▶ **Problem to work on**: For the records below, say how many lines contain the string "extrude". Give no other text.

....................

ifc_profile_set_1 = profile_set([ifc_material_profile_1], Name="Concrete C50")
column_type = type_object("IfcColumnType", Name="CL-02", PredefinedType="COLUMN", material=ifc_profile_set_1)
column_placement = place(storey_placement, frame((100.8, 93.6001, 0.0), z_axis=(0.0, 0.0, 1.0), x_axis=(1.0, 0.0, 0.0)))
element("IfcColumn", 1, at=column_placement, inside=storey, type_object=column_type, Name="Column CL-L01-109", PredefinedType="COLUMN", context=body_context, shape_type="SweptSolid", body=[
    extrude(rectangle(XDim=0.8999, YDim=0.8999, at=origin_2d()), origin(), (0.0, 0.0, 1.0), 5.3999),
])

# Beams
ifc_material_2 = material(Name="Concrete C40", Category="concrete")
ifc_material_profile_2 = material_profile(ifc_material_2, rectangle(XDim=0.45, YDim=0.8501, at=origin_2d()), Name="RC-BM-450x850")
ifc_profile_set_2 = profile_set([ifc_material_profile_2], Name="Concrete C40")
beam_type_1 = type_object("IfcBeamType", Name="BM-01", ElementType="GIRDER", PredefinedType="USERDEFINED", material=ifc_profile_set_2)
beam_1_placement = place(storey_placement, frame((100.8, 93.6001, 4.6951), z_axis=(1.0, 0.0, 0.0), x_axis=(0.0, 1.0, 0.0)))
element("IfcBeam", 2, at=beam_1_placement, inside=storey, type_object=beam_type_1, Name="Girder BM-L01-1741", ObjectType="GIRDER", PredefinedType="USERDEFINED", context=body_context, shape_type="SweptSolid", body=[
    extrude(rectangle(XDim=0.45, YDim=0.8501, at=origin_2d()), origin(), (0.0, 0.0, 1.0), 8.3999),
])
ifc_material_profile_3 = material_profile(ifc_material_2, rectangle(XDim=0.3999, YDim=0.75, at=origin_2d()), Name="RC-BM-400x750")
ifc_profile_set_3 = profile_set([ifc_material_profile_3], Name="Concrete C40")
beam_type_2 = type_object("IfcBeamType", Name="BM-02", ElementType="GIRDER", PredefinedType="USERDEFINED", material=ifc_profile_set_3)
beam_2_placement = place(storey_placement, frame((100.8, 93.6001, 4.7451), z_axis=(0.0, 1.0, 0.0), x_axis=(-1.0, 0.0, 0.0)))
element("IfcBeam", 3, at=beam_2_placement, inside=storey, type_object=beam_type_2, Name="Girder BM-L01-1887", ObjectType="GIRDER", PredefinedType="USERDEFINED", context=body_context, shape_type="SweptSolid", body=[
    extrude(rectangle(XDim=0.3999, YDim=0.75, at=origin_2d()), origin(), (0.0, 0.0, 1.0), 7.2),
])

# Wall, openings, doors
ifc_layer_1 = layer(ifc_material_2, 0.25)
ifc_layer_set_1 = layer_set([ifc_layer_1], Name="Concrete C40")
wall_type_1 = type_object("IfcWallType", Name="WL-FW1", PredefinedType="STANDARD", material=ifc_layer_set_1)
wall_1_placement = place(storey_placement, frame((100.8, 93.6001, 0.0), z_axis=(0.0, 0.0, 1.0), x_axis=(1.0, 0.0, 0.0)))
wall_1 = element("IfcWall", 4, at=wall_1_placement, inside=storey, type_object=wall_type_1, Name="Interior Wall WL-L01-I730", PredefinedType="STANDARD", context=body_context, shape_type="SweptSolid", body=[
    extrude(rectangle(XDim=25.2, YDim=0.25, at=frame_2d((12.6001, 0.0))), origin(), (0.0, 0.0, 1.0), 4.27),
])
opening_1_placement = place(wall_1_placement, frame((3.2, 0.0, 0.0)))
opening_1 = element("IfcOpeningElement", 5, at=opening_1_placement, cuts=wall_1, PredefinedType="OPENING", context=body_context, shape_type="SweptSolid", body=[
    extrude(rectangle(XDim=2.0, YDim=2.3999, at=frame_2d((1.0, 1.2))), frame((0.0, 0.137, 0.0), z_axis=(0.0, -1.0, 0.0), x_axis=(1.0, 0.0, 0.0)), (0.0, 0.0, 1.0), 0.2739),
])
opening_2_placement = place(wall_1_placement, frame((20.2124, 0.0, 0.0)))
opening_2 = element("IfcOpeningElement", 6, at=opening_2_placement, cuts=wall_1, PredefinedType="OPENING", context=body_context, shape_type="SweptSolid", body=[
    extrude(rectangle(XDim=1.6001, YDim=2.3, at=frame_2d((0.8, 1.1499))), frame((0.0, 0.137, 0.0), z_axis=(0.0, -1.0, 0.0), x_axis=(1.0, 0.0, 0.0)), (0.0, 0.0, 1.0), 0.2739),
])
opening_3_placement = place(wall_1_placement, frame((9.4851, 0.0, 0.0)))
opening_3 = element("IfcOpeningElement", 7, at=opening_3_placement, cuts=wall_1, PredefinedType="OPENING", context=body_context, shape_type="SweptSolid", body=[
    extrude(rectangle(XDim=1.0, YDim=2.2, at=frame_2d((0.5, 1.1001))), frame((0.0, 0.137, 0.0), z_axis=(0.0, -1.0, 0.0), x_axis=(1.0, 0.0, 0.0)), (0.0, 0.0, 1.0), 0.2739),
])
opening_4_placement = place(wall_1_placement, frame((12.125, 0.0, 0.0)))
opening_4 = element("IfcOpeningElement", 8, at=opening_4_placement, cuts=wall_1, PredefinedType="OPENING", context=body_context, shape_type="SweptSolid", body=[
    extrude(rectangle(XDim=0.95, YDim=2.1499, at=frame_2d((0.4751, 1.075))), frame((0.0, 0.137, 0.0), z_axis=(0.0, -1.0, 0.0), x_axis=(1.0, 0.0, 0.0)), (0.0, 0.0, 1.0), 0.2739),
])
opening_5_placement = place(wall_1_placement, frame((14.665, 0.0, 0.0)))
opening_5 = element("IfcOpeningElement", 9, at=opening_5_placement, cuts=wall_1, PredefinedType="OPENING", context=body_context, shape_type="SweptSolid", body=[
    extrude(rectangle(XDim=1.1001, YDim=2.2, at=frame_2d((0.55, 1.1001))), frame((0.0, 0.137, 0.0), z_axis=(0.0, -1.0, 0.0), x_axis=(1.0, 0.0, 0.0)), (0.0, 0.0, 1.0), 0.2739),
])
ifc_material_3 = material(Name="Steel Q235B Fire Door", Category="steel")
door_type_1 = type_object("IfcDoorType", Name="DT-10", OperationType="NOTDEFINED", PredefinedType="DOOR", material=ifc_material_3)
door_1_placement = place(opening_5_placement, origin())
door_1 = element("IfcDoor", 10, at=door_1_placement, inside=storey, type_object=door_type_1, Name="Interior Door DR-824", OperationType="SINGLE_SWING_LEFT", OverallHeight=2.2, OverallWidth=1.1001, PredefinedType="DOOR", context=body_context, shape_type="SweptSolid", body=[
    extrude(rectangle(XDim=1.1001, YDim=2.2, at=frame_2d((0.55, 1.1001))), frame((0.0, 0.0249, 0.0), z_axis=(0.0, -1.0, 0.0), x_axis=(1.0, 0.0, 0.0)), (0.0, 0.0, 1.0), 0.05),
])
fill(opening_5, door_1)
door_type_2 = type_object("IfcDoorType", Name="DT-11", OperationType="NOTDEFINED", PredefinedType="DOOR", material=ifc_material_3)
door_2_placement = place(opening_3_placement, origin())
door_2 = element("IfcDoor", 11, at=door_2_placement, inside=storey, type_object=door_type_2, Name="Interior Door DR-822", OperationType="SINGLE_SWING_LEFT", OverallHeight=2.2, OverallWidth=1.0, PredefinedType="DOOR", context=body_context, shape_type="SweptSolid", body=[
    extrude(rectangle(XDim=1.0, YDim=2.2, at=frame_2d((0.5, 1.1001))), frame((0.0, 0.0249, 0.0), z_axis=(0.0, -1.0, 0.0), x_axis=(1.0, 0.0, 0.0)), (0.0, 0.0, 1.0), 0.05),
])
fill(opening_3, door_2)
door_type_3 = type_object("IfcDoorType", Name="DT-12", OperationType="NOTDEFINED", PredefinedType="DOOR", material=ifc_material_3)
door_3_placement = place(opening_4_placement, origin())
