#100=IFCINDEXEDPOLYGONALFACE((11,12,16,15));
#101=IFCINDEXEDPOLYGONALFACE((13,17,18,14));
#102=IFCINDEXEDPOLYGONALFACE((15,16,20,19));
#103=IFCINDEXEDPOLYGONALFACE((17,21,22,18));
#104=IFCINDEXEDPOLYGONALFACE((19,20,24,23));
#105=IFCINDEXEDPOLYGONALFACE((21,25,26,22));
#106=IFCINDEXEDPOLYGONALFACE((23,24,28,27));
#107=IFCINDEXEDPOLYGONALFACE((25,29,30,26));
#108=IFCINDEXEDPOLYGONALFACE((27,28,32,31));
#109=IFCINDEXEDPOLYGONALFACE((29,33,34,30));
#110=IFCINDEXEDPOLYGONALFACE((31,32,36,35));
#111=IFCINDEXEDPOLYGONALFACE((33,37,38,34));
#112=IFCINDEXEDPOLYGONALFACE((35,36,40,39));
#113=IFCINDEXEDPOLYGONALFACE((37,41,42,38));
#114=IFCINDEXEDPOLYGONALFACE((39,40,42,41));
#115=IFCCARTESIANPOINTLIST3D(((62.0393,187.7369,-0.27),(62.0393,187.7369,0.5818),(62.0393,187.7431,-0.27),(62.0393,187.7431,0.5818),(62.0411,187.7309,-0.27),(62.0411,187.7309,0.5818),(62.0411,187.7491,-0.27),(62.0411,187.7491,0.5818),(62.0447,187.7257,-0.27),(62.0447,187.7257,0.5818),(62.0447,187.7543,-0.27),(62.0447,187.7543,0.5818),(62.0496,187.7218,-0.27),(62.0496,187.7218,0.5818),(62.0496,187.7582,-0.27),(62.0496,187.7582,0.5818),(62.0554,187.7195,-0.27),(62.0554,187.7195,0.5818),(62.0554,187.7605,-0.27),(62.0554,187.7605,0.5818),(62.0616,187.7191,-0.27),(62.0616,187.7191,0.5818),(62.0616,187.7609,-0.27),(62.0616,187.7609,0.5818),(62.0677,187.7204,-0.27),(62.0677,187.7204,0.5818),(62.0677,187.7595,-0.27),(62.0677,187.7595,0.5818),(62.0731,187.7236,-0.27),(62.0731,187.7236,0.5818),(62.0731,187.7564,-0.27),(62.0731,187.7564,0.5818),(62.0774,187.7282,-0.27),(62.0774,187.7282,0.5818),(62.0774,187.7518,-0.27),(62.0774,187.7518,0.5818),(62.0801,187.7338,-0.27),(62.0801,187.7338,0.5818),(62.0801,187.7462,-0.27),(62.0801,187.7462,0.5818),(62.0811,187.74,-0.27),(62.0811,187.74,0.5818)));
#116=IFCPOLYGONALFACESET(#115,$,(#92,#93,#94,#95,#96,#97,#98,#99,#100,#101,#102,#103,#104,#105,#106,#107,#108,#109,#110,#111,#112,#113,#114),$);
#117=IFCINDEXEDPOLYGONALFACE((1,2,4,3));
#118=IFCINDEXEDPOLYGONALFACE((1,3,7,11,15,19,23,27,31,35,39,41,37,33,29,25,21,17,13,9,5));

....................

▶ **Answer box**: 11